Copy out every line of the records where the string "IFCLOCALPLACEMENT" occurs.

※

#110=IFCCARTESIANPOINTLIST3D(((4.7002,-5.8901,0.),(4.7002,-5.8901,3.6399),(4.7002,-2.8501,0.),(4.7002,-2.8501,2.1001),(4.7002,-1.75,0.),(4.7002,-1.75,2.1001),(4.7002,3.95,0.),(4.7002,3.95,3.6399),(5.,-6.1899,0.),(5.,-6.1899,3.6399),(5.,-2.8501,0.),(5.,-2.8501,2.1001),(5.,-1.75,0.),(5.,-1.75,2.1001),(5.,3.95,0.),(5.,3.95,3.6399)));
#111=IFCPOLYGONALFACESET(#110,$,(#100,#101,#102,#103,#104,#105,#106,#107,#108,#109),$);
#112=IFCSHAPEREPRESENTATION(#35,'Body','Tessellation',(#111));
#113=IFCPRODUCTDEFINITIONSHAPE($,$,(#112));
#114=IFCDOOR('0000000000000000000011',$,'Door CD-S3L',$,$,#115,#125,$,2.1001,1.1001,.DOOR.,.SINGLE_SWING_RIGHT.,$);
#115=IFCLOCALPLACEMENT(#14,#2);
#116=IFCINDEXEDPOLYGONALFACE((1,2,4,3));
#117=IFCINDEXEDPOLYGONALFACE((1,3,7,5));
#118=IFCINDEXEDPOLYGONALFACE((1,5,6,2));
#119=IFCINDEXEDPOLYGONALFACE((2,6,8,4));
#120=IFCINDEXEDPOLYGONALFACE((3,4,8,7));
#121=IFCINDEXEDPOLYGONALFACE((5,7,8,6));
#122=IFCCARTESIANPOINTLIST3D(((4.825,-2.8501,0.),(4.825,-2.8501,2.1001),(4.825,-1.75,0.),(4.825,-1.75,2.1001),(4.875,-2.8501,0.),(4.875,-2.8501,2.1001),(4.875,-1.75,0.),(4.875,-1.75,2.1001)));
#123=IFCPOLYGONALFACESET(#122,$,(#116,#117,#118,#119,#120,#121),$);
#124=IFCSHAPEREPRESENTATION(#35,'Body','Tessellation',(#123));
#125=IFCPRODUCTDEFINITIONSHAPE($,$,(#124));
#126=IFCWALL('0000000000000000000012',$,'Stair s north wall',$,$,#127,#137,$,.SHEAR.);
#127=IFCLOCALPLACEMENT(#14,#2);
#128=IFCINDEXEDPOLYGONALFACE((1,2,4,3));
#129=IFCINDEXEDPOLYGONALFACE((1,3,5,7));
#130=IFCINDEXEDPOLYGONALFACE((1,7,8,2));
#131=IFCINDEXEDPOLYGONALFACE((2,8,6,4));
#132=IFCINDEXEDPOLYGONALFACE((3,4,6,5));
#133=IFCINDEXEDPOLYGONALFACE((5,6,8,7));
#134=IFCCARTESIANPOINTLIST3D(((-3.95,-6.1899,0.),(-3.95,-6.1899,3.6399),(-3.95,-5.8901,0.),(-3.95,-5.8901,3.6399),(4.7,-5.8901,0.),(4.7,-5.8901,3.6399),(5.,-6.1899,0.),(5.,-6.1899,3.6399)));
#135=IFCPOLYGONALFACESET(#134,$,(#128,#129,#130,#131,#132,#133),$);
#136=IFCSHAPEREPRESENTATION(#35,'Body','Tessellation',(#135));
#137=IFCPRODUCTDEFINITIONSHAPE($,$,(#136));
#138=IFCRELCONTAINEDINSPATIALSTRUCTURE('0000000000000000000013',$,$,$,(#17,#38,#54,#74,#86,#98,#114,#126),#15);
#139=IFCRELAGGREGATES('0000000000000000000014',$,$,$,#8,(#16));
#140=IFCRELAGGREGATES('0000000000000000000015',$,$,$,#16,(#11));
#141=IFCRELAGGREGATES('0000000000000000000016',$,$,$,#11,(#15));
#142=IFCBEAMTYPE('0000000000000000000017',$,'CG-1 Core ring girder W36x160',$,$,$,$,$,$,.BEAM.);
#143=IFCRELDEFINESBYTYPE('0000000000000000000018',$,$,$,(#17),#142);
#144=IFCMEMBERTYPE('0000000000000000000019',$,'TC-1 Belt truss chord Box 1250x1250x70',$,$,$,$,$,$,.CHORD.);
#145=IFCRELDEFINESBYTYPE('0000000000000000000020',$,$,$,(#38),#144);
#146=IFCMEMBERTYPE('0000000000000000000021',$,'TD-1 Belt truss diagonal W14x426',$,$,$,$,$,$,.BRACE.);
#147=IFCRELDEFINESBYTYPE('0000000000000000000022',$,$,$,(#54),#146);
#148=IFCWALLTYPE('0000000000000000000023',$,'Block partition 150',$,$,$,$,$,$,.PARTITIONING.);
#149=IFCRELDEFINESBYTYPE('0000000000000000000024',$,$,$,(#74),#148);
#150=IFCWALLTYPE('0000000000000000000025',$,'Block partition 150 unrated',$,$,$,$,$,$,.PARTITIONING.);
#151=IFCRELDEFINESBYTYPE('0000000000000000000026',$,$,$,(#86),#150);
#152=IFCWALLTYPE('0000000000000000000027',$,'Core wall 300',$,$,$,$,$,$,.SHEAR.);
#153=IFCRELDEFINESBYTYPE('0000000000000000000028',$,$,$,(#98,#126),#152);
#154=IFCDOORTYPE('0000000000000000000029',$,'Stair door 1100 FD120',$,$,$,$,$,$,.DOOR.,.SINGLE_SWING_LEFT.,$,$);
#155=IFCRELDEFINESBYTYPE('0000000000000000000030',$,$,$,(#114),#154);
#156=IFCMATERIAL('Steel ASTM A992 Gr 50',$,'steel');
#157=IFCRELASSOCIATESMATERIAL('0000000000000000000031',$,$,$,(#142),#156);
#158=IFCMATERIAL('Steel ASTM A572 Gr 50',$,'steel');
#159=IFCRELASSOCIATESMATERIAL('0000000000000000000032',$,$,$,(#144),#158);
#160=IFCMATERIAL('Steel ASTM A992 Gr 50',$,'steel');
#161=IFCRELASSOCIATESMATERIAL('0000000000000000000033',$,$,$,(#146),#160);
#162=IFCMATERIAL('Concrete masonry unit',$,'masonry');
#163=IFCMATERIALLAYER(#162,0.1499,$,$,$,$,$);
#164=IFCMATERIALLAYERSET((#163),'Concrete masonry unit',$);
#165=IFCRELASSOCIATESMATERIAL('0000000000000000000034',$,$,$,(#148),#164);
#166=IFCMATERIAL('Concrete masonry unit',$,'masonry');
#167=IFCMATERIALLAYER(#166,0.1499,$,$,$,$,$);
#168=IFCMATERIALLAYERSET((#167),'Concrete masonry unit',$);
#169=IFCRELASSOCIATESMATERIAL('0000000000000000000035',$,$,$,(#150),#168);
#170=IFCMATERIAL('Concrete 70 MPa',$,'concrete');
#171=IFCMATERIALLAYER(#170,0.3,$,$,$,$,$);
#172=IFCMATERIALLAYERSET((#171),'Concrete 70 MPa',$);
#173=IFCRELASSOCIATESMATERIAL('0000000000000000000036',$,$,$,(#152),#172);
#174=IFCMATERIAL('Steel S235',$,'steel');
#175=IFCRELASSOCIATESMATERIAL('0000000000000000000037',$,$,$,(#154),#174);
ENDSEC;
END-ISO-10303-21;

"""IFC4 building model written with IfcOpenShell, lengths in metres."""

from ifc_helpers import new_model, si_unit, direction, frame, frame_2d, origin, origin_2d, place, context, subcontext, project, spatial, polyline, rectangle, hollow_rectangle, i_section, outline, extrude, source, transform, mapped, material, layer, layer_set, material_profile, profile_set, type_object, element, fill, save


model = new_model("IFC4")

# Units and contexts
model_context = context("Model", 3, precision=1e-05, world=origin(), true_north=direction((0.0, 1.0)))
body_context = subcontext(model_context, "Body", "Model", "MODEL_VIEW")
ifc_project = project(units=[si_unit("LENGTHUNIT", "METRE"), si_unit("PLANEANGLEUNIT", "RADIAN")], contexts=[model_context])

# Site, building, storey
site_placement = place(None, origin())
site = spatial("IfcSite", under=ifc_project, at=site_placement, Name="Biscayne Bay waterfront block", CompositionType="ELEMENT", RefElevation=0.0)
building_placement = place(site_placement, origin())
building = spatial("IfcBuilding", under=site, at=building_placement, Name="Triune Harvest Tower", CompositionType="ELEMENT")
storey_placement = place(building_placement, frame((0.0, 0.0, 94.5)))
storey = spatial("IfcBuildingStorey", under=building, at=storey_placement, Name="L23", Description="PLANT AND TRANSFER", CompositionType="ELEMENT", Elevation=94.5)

※

→ Reply:
#115=IFCLOCALPLACEMENT(#14,#2);
#127=IFCLOCALPLACEMENT(#14,#2);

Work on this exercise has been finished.